DATA TO EXAMINE Start Marker

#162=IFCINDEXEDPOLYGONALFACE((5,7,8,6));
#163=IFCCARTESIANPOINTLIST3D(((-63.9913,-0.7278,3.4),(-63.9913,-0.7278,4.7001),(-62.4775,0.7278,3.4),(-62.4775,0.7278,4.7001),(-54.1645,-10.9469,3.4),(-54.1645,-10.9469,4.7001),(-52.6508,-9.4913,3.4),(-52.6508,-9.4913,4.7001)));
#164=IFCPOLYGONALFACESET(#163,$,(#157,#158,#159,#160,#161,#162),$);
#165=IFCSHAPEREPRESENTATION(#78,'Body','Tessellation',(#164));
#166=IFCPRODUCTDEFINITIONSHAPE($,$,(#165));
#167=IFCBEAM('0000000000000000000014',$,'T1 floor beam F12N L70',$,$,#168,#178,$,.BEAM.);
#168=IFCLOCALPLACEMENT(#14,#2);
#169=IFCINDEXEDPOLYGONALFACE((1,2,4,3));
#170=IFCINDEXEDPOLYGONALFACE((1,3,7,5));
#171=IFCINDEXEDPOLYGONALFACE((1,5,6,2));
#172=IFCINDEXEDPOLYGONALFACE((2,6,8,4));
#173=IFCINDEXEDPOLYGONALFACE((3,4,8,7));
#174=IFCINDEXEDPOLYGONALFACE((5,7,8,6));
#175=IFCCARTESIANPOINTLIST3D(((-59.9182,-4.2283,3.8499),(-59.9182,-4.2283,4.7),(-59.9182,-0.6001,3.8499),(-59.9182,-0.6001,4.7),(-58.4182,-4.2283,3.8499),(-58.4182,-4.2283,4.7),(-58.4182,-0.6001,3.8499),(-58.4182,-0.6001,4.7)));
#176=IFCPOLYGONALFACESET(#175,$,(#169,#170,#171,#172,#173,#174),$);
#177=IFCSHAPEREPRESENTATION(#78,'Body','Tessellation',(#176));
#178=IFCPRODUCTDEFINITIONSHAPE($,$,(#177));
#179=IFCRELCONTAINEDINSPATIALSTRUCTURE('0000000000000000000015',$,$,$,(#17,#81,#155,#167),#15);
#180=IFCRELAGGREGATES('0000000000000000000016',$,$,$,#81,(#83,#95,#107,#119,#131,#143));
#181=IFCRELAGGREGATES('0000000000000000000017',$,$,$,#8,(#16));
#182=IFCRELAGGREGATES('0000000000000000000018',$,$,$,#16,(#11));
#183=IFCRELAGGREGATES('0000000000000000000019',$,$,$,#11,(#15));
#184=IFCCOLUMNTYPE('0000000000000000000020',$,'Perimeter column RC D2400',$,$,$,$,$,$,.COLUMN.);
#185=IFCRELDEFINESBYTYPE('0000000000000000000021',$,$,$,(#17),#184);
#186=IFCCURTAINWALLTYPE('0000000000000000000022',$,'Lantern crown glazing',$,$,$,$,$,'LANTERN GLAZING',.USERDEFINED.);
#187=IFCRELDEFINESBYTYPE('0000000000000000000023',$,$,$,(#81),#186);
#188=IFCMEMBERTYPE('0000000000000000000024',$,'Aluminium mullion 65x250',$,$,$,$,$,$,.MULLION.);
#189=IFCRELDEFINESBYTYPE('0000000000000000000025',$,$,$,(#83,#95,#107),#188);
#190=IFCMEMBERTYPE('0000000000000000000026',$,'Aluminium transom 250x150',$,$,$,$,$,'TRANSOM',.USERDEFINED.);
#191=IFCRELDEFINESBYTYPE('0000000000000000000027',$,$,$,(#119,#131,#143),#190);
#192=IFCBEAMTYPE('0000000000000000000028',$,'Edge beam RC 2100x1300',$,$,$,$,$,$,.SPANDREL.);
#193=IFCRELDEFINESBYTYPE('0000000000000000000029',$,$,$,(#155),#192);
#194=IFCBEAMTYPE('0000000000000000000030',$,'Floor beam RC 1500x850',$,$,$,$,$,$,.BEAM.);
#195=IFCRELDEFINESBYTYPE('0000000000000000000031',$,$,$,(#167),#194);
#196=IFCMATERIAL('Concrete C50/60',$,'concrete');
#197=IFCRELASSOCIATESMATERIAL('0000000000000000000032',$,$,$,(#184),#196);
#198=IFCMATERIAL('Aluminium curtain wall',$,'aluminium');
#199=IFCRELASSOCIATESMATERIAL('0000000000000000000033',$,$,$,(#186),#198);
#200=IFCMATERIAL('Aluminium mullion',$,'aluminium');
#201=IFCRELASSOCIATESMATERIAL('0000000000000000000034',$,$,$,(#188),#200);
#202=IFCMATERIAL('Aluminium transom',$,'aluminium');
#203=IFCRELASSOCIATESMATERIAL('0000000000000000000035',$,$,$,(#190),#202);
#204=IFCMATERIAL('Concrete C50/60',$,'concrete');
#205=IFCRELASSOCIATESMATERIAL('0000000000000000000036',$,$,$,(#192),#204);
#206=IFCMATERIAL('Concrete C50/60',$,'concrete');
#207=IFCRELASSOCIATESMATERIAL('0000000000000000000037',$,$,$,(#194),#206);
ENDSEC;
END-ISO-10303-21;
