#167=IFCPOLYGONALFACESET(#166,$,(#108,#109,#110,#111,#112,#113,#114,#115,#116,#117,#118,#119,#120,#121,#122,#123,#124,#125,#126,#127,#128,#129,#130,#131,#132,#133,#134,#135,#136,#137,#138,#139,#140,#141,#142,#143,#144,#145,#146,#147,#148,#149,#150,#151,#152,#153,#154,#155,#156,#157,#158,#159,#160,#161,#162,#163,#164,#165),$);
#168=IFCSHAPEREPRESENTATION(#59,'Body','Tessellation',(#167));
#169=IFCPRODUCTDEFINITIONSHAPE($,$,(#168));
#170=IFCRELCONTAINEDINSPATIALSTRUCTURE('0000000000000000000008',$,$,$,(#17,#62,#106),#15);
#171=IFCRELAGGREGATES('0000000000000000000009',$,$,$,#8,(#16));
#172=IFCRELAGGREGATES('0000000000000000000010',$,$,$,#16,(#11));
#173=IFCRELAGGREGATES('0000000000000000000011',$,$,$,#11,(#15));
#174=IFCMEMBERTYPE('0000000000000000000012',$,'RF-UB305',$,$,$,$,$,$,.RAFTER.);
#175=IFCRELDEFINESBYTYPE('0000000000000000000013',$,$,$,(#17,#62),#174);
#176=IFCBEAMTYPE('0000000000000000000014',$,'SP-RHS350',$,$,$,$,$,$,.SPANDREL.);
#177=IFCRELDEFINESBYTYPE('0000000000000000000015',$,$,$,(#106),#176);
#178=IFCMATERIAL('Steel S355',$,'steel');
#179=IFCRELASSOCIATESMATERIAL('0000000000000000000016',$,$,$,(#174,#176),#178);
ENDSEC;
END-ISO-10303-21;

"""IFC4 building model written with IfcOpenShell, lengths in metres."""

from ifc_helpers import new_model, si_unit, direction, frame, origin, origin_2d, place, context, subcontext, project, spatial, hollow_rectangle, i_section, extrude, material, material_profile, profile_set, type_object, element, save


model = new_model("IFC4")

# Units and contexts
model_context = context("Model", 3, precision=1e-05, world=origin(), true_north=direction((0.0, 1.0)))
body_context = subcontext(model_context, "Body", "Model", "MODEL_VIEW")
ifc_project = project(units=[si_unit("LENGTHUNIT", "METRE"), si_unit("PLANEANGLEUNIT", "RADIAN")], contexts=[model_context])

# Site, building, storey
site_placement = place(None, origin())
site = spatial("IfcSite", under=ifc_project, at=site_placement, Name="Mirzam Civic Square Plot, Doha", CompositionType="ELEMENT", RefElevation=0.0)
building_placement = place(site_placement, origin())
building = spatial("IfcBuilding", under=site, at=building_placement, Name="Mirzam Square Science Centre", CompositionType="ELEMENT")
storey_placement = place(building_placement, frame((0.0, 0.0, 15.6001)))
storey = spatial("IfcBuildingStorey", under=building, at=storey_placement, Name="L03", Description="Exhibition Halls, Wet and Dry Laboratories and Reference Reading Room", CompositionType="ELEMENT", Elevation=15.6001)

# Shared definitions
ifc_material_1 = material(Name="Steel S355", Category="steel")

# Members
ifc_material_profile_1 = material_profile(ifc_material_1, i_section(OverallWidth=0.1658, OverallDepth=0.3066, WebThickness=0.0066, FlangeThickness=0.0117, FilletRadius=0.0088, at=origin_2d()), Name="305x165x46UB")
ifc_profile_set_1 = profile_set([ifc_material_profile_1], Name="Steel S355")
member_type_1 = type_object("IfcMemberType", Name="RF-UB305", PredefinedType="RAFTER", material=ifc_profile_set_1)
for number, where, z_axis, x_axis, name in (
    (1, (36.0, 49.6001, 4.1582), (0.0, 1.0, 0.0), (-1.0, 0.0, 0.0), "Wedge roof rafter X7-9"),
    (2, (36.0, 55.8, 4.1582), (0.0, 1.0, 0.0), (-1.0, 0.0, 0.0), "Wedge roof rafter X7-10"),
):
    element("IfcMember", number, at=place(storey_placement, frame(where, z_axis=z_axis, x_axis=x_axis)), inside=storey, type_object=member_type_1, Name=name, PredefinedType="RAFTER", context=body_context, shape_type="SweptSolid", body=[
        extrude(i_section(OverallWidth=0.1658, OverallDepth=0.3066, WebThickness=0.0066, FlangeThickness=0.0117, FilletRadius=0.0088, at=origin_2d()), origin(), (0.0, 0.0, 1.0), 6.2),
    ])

DATA TO EXAMINE End Marker

## [AIM OF THE TASK]
Show me each line of the listing above with "IFCBEAMTYPE" in it.

## [RESULT OF THE TASK]
#192=IFCBEAMTYPE('0000000000000000000028',$,'Edge beam RC 2100x1300',$,$,$,$,$,$,.SPANDREL.);
#194=IFCBEAMTYPE('0000000000000000000030',$,'Floor beam RC 1500x850',$,$,$,$,$,$,.BEAM.);
#176=IFCBEAMTYPE('0000000000000000000014',$,'SP-RHS350',$,$,$,$,$,$,.SPANDREL.);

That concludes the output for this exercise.